[[ EXTRACTED DATA open ]]
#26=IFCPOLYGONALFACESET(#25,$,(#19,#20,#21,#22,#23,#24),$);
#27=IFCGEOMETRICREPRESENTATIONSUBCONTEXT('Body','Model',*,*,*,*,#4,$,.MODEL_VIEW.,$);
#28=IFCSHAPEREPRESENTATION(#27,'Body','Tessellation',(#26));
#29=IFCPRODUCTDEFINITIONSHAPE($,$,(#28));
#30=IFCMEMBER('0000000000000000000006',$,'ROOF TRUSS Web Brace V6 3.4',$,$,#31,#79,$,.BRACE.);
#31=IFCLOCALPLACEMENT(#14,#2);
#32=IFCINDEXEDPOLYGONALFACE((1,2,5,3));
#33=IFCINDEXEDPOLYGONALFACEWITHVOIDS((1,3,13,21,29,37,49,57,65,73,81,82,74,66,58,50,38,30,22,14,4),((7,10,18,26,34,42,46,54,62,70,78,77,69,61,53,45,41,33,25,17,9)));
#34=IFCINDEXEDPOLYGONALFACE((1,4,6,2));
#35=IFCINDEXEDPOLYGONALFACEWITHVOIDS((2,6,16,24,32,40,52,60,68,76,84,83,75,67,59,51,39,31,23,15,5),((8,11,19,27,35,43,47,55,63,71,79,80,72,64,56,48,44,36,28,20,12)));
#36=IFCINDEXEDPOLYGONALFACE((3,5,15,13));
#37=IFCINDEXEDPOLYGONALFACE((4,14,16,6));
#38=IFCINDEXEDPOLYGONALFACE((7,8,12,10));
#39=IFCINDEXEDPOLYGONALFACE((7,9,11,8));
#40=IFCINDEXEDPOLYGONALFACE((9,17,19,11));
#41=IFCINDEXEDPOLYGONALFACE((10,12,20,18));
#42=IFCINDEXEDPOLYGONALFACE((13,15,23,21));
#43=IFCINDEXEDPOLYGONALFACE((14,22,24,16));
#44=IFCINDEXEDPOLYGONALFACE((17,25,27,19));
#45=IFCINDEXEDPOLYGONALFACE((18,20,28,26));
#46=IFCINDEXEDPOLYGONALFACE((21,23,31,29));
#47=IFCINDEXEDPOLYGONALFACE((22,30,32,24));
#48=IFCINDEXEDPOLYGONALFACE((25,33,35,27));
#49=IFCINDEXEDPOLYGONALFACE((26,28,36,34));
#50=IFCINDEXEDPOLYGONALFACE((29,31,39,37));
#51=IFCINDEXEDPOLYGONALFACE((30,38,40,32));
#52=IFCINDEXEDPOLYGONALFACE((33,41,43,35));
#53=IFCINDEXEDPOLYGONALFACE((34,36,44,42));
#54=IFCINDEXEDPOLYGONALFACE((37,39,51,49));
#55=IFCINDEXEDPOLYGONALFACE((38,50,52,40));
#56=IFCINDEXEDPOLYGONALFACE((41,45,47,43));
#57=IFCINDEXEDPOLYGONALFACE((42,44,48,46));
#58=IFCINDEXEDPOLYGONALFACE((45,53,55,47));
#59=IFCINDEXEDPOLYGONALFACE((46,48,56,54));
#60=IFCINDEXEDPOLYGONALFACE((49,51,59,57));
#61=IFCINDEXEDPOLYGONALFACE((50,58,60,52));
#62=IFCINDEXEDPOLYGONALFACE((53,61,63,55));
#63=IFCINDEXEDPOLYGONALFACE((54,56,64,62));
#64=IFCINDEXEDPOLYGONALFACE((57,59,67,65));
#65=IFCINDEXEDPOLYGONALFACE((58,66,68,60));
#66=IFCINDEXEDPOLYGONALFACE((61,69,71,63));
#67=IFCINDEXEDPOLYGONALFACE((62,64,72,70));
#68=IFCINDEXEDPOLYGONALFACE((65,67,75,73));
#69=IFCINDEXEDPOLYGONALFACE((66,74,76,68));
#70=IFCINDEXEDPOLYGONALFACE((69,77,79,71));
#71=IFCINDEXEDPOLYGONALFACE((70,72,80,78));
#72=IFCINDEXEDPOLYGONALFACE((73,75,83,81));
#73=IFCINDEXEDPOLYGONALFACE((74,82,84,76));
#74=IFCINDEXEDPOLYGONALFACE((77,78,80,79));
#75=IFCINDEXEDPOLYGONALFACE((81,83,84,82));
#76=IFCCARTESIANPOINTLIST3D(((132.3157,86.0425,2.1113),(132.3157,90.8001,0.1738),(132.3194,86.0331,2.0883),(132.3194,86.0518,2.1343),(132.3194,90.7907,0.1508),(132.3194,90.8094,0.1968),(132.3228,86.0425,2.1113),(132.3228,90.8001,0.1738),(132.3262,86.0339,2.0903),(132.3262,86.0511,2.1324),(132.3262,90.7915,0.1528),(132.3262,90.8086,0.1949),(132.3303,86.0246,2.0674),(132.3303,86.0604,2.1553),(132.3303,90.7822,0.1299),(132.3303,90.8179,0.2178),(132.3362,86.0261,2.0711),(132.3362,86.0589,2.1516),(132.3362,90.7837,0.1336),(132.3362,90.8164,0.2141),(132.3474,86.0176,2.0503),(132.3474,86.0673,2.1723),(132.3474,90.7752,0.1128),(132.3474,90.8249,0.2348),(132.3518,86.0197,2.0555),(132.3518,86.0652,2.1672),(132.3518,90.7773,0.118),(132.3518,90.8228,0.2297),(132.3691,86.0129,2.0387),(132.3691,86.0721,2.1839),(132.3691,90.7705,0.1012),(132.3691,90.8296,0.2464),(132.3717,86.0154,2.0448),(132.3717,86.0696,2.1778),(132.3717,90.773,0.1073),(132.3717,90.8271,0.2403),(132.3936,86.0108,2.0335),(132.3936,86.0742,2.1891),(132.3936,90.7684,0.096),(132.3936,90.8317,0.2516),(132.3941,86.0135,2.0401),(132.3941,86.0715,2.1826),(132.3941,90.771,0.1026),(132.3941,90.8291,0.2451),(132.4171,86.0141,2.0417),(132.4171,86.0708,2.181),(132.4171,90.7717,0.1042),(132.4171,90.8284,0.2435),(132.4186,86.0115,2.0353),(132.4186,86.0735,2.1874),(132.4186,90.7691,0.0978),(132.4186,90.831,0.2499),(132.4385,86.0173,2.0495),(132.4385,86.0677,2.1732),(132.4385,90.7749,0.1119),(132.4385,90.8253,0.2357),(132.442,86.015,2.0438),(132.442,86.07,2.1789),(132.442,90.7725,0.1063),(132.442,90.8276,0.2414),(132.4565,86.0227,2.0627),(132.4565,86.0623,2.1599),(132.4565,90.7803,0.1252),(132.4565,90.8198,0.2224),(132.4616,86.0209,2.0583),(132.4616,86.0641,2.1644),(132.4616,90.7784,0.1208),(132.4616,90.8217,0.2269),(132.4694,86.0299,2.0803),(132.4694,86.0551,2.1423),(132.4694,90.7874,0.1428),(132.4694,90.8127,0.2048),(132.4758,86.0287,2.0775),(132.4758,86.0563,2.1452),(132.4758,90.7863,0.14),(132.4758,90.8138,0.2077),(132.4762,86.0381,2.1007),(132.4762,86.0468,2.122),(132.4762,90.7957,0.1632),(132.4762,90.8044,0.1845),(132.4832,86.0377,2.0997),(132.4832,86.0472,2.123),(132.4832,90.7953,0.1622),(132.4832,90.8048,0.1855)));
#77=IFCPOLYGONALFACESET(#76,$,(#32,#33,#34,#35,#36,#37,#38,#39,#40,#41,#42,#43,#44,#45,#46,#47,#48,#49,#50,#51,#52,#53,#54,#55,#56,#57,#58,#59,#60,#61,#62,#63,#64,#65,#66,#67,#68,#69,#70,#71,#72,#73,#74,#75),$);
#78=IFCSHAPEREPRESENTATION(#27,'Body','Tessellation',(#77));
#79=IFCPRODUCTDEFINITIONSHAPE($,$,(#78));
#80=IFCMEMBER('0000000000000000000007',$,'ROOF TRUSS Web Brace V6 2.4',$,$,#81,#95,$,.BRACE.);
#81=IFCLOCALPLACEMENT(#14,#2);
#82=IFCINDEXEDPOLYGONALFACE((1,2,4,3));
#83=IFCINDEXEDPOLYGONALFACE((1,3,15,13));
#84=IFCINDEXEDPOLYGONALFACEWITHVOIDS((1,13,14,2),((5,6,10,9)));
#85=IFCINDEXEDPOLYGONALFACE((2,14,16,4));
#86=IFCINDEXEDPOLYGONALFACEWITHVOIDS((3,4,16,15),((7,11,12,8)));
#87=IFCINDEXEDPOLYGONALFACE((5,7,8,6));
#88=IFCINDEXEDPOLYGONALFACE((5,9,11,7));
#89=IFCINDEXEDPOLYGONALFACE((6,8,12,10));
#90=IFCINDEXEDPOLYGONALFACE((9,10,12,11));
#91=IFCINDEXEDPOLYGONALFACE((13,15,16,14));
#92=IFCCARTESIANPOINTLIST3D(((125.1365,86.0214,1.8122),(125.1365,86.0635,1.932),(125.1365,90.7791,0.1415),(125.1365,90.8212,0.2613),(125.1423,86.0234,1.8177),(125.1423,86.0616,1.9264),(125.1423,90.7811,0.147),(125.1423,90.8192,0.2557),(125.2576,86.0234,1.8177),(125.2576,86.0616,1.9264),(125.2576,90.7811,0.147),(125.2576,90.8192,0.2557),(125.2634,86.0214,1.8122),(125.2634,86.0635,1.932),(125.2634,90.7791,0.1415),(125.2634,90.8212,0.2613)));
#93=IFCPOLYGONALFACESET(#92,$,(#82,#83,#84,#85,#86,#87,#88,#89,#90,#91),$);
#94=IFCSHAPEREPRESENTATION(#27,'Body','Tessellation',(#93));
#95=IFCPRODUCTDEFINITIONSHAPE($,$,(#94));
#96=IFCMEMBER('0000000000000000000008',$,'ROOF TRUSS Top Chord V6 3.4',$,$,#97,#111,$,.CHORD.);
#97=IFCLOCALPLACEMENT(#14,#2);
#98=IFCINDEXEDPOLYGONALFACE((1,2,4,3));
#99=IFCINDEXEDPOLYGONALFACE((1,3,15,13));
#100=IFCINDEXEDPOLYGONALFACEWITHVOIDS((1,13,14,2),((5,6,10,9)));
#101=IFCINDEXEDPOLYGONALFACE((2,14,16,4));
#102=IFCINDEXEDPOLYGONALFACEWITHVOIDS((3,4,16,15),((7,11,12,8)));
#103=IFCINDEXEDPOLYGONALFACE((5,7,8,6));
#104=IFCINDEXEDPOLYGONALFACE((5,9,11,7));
[[ EXTRACTED DATA closed ]]
[[ EXTRACTED DATA open ]]
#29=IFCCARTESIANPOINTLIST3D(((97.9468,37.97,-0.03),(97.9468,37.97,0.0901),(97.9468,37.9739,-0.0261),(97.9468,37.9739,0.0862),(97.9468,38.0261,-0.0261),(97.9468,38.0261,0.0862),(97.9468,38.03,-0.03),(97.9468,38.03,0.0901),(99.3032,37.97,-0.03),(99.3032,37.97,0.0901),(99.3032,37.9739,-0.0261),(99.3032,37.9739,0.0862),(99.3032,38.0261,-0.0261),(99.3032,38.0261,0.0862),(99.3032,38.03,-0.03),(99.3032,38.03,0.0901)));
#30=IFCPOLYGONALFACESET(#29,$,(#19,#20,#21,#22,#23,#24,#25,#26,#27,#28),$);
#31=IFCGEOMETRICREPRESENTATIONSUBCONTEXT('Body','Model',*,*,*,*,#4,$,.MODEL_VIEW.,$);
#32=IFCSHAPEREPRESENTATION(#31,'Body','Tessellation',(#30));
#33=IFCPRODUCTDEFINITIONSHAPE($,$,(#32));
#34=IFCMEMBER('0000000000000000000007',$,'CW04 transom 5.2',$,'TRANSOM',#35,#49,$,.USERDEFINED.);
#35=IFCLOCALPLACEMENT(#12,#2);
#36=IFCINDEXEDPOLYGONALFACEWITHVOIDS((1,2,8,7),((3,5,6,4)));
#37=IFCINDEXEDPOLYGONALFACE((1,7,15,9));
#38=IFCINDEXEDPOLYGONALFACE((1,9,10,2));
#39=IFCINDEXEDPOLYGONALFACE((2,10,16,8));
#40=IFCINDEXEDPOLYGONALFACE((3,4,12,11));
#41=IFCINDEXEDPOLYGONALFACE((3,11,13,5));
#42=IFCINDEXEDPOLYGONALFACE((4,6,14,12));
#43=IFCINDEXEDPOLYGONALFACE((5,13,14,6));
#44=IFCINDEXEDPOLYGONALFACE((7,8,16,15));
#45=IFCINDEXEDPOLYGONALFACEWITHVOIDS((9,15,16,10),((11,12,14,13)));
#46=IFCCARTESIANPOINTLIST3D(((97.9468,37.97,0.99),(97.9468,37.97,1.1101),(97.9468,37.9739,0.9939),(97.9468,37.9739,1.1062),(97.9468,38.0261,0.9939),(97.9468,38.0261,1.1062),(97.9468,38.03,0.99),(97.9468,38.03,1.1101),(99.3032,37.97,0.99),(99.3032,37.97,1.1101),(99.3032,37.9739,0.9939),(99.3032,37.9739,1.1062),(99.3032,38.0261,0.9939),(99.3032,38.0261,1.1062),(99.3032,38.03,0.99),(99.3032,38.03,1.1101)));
[[ EXTRACTED DATA closed ]]
Copy range, inclusive: the line holding "#37=IFCINDEXEDPOLYGONALFACE((4,14,16,6));" to the line holding "#51=IFCINDEXEDPOLYGONALFACE((30,38,40,32));". Reproduce exactly those lines of the records above and no others.

### RESPONSE
#37=IFCINDEXEDPOLYGONALFACE((4,14,16,6));
#38=IFCINDEXEDPOLYGONALFACE((7,8,12,10));
#39=IFCINDEXEDPOLYGONALFACE((7,9,11,8));
#40=IFCINDEXEDPOLYGONALFACE((9,17,19,11));
#41=IFCINDEXEDPOLYGONALFACE((10,12,20,18));
#42=IFCINDEXEDPOLYGONALFACE((13,15,23,21));
#43=IFCINDEXEDPOLYGONALFACE((14,22,24,16));
#44=IFCINDEXEDPOLYGONALFACE((17,25,27,19));
#45=IFCINDEXEDPOLYGONALFACE((18,20,28,26));
#46=IFCINDEXEDPOLYGONALFACE((21,23,31,29));
#47=IFCINDEXEDPOLYGONALFACE((22,30,32,24));
#48=IFCINDEXEDPOLYGONALFACE((25,33,35,27));
#49=IFCINDEXEDPOLYGONALFACE((26,28,36,34));
#50=IFCINDEXEDPOLYGONALFACE((29,31,39,37));
#51=IFCINDEXEDPOLYGONALFACE((30,38,40,32));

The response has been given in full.